> [What is required] Set down a word-for-word copy of the data below, limited to the lines from the first through the line with "#26=IFCINDEXEDPOLYGONALFACE((9,10,12,11));".

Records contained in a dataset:
==============================

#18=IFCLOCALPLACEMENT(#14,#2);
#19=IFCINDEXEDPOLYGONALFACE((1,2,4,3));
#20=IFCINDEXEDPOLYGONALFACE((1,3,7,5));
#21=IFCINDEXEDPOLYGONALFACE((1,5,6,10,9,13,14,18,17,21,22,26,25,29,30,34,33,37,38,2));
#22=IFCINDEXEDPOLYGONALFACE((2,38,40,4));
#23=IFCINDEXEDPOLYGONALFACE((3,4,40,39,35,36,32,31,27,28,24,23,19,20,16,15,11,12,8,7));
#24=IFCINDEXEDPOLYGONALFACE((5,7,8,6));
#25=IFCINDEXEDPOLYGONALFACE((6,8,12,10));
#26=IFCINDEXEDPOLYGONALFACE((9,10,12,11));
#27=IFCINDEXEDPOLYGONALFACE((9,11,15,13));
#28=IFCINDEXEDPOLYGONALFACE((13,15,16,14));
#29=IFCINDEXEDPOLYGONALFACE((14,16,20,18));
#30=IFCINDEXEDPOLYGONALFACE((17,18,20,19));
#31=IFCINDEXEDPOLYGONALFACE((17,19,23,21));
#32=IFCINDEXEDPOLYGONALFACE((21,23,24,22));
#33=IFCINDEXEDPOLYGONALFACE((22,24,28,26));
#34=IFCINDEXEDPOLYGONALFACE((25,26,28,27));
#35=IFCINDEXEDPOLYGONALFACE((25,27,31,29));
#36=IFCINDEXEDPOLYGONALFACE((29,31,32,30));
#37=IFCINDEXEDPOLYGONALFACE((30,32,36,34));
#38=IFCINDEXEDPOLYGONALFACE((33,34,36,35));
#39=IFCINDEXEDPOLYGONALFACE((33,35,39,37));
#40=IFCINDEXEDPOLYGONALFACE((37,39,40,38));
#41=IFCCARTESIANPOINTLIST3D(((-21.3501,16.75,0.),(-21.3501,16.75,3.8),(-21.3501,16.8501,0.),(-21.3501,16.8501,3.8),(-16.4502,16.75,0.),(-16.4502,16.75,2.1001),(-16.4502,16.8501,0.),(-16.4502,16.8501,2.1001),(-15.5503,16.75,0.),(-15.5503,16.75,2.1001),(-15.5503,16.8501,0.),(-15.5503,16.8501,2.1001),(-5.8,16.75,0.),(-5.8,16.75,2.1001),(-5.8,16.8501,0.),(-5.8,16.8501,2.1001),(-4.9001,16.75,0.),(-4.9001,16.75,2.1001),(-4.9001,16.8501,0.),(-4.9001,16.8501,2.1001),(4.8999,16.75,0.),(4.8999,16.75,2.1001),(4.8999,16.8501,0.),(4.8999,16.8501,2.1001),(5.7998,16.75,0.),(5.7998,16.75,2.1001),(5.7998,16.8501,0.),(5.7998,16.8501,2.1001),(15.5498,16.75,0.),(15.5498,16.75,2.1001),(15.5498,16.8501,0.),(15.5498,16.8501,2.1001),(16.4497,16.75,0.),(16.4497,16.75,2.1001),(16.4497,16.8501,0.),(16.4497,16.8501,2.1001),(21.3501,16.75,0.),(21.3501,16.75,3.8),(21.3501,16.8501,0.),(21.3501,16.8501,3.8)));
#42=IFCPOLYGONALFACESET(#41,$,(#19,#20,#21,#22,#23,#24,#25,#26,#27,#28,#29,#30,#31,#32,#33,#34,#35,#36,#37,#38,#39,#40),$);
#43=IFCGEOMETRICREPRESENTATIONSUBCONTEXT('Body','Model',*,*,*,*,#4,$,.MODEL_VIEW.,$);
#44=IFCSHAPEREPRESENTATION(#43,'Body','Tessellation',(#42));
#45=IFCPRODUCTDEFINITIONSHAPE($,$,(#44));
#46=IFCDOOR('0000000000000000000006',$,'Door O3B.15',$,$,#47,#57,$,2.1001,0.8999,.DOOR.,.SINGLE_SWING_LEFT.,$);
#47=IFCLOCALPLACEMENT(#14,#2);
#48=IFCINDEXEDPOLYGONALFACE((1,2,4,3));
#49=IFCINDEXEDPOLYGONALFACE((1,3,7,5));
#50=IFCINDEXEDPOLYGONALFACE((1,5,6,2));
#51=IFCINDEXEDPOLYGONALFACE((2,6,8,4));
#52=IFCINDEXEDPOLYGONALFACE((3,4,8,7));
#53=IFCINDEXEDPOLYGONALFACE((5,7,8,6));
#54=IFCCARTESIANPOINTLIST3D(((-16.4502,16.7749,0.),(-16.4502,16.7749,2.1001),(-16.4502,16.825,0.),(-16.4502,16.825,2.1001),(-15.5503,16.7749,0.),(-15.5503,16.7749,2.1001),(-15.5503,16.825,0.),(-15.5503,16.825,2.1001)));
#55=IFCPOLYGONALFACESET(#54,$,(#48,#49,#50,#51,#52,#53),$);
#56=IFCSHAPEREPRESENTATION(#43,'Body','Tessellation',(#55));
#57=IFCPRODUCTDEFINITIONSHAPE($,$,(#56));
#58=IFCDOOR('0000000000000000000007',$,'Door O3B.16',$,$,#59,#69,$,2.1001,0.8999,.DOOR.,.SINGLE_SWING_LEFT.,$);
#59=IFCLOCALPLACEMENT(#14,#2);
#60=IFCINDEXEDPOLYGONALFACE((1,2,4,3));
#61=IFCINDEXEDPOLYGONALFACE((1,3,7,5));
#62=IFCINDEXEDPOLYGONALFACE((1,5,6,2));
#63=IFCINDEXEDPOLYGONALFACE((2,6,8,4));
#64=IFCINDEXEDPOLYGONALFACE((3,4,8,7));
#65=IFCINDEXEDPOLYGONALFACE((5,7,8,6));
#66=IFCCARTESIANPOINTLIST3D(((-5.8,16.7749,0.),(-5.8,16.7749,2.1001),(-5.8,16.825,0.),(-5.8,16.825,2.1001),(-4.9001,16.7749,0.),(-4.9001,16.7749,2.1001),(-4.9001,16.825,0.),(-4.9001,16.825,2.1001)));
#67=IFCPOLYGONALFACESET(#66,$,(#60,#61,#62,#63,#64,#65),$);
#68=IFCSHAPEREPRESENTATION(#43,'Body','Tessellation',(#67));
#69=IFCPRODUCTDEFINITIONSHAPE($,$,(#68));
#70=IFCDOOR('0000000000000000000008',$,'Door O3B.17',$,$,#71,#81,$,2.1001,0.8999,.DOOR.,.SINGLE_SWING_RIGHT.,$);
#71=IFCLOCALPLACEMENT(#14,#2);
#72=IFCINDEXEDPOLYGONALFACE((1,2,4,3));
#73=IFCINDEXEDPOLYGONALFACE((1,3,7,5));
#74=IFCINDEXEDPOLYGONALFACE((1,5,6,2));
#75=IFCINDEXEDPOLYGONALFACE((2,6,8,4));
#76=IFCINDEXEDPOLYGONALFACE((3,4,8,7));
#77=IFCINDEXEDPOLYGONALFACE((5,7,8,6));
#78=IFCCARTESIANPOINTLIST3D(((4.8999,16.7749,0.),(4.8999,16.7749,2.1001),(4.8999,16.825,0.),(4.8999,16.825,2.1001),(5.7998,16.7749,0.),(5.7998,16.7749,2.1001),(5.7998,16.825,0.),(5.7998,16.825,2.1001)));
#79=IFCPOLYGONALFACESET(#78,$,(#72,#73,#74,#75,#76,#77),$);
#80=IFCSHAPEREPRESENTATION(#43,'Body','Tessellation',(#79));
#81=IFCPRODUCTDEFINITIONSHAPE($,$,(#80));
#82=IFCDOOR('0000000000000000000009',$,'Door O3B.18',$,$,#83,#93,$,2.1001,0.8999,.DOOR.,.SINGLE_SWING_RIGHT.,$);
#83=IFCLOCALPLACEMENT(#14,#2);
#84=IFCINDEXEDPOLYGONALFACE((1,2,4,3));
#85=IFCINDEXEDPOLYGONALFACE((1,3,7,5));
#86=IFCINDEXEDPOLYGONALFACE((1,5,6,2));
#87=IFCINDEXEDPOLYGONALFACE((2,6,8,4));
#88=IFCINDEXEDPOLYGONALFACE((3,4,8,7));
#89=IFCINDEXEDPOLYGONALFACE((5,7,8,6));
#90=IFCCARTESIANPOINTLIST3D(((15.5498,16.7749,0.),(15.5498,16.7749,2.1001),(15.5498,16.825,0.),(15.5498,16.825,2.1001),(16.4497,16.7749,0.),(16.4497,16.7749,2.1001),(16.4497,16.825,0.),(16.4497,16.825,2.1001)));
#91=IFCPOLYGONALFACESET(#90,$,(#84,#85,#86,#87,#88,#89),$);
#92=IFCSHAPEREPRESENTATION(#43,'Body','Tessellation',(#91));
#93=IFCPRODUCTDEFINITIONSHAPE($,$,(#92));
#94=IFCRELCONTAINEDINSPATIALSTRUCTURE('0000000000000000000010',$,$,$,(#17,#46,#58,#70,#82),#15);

==============================

> [Response area]
#18=IFCLOCALPLACEMENT(#14,#2);
#19=IFCINDEXEDPOLYGONALFACE((1,2,4,3));
#20=IFCINDEXEDPOLYGONALFACE((1,3,7,5));
#21=IFCINDEXEDPOLYGONALFACE((1,5,6,10,9,13,14,18,17,21,22,26,25,29,30,34,33,37,38,2));
#22=IFCINDEXEDPOLYGONALFACE((2,38,40,4));
#23=IFCINDEXEDPOLYGONALFACE((3,4,40,39,35,36,32,31,27,28,24,23,19,20,16,15,11,12,8,7));
#24=IFCINDEXEDPOLYGONALFACE((5,7,8,6));
#25=IFCINDEXEDPOLYGONALFACE((6,8,12,10));
#26=IFCINDEXEDPOLYGONALFACE((9,10,12,11));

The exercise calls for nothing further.